*** Opening Recorded data ***
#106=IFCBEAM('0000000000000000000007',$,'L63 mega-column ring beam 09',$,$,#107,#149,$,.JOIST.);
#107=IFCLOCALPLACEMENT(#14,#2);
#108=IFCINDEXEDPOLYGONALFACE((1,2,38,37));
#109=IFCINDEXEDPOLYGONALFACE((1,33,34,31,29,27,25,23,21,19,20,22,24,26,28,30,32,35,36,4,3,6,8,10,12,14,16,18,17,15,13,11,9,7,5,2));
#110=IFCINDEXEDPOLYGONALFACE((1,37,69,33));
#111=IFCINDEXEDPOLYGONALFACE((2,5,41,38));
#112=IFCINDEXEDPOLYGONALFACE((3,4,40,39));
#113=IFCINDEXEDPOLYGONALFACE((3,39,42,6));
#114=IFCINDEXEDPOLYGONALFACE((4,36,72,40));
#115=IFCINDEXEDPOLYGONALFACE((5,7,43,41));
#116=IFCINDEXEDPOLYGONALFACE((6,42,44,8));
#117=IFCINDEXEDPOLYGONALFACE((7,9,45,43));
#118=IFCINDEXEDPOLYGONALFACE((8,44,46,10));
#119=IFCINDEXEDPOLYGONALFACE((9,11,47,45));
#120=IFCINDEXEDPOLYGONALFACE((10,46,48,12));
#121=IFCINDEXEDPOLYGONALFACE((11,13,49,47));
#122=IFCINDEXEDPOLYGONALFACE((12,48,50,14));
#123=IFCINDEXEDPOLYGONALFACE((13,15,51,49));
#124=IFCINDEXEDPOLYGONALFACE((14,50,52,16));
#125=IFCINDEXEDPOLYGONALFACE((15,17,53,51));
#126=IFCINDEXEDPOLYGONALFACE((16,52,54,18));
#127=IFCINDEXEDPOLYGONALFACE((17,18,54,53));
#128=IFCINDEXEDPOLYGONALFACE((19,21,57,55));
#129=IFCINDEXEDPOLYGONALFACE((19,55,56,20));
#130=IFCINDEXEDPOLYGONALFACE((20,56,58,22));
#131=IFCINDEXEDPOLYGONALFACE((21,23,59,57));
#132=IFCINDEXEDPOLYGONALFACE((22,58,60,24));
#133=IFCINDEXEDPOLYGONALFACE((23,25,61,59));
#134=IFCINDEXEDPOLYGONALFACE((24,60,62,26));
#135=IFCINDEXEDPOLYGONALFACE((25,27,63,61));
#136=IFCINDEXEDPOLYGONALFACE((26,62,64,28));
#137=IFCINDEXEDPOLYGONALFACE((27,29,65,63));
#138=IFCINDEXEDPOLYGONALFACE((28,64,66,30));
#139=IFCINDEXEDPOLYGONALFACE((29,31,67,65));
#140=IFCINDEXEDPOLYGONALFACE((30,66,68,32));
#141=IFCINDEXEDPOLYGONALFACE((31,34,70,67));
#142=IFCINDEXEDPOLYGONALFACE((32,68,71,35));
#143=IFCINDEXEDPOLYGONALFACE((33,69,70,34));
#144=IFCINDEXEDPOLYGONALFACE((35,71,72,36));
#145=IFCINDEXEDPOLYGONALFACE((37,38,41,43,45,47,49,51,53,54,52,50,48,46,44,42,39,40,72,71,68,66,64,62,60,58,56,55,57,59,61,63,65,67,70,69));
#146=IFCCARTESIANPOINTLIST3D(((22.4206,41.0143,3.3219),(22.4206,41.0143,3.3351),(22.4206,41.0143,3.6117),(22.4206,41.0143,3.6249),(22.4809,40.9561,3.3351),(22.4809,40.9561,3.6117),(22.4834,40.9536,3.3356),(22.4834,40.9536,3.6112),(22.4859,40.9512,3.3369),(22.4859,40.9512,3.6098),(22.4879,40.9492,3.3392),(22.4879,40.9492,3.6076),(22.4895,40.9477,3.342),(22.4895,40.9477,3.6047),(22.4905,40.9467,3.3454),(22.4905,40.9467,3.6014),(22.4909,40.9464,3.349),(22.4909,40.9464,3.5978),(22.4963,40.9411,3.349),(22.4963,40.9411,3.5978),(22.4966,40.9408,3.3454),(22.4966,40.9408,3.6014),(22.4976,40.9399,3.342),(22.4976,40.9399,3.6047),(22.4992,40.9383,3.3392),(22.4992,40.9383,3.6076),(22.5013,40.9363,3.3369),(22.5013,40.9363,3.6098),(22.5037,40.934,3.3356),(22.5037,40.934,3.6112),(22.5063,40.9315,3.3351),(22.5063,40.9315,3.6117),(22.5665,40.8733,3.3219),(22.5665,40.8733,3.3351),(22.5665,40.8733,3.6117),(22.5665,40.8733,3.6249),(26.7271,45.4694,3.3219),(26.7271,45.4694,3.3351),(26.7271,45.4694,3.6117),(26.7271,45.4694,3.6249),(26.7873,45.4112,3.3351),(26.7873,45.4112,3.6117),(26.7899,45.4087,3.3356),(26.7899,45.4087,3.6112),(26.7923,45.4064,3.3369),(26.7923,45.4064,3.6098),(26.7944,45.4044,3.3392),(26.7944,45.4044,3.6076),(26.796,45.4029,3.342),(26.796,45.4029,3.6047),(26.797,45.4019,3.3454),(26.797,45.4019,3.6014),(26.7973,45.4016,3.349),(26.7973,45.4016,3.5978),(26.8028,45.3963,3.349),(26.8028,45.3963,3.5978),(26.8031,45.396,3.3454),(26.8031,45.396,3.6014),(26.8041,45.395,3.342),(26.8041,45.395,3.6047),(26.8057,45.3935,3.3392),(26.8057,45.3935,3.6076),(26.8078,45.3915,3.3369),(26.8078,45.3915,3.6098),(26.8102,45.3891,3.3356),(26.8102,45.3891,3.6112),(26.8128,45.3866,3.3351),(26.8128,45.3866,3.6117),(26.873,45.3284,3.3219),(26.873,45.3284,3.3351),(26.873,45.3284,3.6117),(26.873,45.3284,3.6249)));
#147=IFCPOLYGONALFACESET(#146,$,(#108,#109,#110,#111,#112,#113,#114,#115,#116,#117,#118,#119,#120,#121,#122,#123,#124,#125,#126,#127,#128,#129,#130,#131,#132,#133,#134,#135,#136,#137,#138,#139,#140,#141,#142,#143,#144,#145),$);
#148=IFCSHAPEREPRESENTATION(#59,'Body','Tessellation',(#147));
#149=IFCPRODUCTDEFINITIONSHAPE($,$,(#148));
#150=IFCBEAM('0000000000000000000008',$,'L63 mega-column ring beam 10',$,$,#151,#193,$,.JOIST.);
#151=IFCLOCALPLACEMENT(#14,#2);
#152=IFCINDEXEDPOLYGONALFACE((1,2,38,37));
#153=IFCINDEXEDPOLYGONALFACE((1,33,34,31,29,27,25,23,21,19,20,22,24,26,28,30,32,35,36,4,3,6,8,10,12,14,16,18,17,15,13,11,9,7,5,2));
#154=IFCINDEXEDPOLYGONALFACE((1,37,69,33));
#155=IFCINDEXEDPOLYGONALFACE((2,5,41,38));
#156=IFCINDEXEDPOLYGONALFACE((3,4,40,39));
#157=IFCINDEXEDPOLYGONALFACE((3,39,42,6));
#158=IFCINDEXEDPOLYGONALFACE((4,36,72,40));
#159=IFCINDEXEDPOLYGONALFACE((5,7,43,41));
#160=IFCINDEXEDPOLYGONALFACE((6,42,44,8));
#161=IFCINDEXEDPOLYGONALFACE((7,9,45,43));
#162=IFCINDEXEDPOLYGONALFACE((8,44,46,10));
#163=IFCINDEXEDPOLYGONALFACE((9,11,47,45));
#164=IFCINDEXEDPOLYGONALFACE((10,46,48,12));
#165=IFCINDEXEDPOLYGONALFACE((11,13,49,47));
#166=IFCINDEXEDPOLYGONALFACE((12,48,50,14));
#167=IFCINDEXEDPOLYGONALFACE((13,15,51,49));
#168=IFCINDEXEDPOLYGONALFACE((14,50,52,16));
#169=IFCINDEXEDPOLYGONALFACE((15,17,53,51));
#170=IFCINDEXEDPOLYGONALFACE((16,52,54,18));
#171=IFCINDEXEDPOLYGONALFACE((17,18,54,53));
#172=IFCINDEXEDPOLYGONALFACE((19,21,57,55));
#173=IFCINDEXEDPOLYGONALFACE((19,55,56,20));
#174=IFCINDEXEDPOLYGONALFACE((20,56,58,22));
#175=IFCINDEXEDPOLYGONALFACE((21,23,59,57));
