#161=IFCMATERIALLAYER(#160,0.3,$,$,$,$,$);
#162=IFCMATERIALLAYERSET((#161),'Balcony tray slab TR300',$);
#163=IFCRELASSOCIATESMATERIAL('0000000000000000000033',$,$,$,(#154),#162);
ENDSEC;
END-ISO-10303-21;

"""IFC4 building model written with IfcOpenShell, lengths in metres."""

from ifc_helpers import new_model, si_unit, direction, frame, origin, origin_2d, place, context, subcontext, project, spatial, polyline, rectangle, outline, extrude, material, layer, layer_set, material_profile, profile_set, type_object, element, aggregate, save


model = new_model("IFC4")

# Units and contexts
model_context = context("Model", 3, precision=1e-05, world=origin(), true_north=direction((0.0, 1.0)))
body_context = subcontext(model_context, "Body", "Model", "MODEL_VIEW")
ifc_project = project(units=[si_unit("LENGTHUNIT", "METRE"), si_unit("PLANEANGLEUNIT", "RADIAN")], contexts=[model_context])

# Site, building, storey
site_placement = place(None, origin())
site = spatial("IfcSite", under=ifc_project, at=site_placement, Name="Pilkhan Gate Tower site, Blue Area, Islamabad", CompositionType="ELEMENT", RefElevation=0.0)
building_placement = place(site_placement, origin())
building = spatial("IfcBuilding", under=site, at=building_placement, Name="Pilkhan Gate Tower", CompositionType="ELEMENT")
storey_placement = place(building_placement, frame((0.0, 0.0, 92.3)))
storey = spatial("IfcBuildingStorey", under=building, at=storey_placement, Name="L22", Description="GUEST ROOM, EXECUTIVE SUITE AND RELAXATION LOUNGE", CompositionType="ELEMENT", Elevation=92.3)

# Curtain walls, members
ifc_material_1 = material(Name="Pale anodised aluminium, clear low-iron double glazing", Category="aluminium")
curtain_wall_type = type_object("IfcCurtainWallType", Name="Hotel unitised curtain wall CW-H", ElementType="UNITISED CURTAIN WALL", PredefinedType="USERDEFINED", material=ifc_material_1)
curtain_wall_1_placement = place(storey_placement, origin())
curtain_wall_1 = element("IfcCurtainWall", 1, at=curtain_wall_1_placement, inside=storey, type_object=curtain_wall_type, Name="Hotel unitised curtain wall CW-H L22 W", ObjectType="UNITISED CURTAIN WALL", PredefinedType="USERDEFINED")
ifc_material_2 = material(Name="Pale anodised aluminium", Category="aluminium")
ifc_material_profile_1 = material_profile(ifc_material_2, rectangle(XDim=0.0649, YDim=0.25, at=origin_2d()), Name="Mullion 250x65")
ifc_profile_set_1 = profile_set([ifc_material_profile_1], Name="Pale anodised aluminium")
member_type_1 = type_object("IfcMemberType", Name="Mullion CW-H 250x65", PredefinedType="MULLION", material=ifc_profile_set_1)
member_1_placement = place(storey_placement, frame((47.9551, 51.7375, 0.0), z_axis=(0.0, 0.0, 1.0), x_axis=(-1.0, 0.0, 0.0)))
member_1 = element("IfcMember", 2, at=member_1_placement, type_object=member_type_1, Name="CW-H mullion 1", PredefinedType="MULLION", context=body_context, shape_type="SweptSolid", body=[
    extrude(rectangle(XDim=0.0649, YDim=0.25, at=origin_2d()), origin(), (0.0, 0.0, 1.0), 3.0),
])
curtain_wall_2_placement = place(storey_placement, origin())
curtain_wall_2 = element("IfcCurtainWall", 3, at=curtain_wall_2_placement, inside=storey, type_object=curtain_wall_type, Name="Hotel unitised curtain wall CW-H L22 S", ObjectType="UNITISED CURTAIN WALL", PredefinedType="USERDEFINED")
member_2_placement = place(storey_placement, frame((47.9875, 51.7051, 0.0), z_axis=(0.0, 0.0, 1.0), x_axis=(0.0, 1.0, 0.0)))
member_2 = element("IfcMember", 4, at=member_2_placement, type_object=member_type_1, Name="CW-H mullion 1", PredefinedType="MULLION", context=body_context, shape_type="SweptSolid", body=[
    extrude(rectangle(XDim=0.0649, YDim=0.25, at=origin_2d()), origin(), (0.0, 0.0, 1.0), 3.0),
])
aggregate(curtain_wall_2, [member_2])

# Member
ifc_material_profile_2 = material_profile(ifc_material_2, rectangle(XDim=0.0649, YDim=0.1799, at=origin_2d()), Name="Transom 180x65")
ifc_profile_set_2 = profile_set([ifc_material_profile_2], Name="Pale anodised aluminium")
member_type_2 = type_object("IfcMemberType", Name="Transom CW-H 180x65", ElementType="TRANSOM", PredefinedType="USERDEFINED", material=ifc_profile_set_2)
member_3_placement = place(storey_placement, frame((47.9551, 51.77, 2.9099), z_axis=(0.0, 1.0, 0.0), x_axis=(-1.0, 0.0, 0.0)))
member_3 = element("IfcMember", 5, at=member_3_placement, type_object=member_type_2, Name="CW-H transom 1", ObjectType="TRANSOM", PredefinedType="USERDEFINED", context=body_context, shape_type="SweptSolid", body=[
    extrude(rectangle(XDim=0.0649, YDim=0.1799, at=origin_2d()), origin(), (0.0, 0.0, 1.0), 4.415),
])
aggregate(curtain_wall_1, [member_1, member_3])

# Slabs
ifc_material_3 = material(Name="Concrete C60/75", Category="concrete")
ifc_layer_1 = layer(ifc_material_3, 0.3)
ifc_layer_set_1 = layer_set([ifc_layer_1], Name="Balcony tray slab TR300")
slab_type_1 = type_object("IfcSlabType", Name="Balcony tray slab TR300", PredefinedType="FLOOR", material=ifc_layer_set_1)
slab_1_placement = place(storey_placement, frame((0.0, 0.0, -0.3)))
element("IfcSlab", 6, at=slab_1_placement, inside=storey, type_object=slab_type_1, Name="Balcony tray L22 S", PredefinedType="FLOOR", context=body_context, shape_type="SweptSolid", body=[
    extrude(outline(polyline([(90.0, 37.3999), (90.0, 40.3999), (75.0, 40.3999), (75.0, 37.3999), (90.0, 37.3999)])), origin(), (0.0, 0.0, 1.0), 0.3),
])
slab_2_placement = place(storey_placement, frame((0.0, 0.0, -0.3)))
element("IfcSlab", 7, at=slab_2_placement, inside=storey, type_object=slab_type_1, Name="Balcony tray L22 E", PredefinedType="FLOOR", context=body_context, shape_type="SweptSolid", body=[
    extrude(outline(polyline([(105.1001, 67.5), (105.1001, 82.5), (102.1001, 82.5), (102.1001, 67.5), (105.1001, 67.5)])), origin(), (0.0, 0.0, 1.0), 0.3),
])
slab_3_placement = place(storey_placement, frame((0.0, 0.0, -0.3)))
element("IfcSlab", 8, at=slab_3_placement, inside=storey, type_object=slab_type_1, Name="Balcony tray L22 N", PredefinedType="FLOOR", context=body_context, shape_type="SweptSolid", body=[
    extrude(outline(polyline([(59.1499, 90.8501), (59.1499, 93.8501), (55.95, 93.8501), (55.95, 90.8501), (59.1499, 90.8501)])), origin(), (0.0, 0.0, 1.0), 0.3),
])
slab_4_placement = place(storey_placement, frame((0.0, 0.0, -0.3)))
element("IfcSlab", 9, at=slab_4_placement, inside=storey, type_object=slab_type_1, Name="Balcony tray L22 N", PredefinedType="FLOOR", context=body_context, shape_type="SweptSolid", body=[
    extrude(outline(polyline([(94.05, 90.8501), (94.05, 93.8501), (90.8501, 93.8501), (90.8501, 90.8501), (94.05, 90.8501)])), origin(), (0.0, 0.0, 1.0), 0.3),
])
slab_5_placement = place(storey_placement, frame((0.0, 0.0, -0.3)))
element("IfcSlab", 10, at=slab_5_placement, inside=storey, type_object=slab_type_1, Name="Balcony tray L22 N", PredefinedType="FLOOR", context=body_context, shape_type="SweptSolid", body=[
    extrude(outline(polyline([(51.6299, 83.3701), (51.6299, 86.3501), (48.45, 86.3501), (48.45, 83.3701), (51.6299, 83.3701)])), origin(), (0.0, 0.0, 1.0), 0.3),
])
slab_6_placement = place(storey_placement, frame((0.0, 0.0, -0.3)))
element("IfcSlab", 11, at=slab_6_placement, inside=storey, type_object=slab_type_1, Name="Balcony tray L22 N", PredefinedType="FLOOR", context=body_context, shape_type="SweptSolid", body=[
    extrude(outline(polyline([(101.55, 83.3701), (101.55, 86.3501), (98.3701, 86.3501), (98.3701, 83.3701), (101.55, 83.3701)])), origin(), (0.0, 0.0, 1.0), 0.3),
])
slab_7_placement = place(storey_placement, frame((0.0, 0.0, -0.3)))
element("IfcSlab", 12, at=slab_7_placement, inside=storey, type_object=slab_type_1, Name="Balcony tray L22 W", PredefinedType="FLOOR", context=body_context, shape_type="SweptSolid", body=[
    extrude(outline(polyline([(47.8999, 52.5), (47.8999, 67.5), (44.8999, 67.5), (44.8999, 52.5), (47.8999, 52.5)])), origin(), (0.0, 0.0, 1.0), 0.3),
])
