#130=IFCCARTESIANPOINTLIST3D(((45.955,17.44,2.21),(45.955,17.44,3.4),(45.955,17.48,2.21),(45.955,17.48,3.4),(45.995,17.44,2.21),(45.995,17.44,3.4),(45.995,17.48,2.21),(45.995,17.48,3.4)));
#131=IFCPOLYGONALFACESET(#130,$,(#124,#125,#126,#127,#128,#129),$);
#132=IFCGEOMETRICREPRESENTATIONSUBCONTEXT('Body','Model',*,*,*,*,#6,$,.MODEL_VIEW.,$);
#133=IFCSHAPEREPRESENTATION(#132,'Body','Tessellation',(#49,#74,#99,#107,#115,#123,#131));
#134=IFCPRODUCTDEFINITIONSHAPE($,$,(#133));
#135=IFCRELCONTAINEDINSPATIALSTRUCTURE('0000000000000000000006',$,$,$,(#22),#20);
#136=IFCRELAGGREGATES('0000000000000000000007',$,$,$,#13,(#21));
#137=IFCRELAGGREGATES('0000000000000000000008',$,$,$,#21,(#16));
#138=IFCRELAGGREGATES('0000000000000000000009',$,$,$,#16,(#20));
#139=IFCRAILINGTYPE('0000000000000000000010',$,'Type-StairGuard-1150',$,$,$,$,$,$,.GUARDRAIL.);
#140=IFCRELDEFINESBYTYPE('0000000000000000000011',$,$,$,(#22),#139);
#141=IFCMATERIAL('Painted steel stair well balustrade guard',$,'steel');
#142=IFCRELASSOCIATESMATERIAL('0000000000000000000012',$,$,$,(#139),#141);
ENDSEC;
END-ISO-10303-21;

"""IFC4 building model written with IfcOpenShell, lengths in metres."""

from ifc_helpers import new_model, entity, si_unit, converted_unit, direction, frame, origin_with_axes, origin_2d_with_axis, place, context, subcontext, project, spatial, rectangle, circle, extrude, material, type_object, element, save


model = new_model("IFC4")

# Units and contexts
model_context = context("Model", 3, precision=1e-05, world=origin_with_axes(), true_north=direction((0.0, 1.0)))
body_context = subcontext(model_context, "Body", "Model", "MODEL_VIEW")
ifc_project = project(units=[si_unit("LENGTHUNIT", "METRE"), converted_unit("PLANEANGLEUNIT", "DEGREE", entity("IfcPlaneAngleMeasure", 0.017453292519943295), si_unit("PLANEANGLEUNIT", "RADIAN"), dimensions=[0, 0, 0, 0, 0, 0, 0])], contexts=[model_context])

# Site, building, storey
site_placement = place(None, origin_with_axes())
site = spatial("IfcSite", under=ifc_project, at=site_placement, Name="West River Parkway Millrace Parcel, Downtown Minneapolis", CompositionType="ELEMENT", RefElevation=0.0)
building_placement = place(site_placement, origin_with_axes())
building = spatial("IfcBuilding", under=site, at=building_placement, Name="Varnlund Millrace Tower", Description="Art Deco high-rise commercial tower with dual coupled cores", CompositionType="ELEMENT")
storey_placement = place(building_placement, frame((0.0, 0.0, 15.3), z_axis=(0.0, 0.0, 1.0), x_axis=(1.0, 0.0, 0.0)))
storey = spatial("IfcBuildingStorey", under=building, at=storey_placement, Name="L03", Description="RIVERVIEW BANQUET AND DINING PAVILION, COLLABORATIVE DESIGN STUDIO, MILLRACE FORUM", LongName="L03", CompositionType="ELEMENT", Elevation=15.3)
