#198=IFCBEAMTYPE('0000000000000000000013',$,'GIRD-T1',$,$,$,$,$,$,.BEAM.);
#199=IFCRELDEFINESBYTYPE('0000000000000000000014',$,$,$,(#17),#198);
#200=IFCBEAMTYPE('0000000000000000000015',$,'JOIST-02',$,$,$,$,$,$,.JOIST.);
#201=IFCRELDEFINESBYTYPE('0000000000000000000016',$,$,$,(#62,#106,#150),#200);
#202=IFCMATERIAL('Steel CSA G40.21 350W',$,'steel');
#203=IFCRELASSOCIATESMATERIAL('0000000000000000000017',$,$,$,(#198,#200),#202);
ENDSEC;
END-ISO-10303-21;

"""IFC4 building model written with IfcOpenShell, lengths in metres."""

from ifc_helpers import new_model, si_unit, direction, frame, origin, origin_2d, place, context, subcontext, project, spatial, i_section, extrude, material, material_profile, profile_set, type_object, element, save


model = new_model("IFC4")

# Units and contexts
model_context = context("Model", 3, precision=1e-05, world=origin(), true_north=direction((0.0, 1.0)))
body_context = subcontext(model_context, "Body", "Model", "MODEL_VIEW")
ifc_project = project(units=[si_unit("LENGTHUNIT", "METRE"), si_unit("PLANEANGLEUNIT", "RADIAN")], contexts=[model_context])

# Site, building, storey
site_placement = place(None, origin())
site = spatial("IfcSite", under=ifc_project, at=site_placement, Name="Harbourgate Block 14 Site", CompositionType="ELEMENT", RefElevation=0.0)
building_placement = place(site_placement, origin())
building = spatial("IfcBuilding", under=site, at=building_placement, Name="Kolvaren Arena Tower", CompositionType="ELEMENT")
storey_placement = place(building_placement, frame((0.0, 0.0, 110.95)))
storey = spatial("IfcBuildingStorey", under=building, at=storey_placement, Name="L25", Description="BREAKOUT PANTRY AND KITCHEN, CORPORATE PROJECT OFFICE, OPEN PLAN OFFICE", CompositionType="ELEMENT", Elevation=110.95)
*** Closing Recorded data ***
Count how many lines of the entries contain the word "IFCRELDEFINESBYTYPE", and respond with that count only.

- [Result of the task] 3